Exercise details: Track down each line below containing the string "IFCMATERIALLAYERSET" and copy it.

Record set:
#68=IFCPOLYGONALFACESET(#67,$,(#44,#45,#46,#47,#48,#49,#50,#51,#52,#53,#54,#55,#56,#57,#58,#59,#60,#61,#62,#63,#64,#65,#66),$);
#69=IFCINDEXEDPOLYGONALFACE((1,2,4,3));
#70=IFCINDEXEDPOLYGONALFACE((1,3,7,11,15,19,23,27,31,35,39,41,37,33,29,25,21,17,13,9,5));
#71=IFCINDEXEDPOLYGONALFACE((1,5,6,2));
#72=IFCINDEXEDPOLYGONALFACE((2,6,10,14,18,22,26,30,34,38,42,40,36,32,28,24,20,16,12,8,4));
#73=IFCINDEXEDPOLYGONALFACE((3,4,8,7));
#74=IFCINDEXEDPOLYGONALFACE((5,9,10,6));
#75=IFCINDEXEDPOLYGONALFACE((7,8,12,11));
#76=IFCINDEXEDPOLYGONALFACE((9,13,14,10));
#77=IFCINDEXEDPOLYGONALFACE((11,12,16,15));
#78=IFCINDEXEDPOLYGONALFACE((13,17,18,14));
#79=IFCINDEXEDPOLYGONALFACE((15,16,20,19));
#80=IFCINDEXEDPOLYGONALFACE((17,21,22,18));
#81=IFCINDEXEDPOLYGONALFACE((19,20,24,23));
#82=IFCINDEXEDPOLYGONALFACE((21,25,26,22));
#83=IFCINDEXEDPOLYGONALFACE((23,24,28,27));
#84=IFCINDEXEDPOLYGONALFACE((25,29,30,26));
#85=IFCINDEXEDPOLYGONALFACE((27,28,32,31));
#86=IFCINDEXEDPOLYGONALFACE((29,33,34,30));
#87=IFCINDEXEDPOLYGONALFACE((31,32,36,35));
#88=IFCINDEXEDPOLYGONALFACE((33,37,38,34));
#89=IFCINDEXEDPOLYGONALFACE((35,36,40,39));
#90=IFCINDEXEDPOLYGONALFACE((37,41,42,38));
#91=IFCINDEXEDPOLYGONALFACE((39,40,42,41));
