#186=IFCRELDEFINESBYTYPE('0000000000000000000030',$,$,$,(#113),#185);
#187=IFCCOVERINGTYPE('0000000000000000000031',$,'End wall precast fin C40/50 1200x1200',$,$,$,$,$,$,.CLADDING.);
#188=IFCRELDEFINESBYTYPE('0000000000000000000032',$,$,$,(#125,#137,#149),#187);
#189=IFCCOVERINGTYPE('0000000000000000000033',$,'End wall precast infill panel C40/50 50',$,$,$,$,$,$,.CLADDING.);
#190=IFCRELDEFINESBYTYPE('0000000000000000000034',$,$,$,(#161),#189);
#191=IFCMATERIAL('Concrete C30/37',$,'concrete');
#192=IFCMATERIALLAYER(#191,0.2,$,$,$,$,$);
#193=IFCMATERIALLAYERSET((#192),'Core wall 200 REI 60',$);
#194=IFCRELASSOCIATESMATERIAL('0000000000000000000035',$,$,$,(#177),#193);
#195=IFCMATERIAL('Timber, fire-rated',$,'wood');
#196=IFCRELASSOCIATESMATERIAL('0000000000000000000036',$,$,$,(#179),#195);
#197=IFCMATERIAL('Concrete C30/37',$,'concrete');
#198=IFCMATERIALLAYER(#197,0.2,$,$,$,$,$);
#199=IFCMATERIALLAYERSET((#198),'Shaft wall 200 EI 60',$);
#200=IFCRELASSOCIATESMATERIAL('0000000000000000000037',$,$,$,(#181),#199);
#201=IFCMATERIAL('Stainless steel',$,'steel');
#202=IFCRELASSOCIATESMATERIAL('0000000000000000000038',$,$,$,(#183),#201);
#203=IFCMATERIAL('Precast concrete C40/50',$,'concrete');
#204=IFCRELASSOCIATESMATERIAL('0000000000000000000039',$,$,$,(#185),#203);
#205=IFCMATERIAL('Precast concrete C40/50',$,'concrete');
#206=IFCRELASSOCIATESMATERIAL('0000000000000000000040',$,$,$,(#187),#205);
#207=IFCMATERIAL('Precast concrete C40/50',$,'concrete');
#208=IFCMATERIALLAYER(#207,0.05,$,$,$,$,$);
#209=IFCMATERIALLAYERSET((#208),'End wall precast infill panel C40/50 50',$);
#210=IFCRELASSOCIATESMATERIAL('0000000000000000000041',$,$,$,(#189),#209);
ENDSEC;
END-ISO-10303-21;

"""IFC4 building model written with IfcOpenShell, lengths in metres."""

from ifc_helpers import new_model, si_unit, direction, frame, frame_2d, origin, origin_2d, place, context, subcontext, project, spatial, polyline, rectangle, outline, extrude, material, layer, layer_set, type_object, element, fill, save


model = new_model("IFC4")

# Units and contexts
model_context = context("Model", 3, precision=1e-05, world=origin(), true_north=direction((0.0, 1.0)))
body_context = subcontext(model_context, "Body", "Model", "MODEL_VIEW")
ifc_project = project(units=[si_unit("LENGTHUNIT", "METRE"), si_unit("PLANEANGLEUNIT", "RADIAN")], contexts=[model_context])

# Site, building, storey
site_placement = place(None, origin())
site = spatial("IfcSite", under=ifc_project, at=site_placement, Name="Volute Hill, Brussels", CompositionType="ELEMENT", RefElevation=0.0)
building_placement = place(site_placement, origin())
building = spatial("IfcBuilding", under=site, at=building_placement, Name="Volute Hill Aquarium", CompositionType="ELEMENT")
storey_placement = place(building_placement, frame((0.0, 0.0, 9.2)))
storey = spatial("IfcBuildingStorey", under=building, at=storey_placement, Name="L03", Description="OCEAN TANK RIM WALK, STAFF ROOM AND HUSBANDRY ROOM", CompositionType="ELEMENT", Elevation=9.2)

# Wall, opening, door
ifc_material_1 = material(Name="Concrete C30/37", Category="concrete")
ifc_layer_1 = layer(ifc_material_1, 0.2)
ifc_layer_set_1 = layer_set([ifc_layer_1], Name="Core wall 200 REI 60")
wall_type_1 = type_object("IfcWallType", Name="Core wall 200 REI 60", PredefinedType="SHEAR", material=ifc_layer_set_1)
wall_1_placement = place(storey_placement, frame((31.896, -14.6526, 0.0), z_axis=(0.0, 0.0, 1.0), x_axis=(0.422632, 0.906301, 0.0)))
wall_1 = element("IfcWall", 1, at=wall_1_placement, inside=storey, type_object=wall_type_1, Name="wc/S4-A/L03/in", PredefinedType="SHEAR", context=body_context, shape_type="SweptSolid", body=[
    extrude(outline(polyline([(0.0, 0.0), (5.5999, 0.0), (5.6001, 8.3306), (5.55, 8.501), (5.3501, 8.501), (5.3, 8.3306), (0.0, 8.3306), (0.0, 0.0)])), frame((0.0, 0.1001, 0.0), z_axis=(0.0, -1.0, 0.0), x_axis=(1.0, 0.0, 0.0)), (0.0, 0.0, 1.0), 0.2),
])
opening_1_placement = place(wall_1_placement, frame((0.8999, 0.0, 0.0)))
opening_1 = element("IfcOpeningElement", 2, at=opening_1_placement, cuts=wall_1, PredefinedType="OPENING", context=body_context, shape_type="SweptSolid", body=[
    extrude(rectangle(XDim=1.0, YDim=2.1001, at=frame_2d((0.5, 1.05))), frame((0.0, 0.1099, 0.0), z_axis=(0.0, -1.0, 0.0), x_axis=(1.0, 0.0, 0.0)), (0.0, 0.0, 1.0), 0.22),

Task output:
#193=IFCMATERIALLAYERSET((#192),'Core wall 200 REI 60',$);
#199=IFCMATERIALLAYERSET((#198),'Shaft wall 200 EI 60',$);
#209=IFCMATERIALLAYERSET((#208),'End wall precast infill panel C40/50 50',$);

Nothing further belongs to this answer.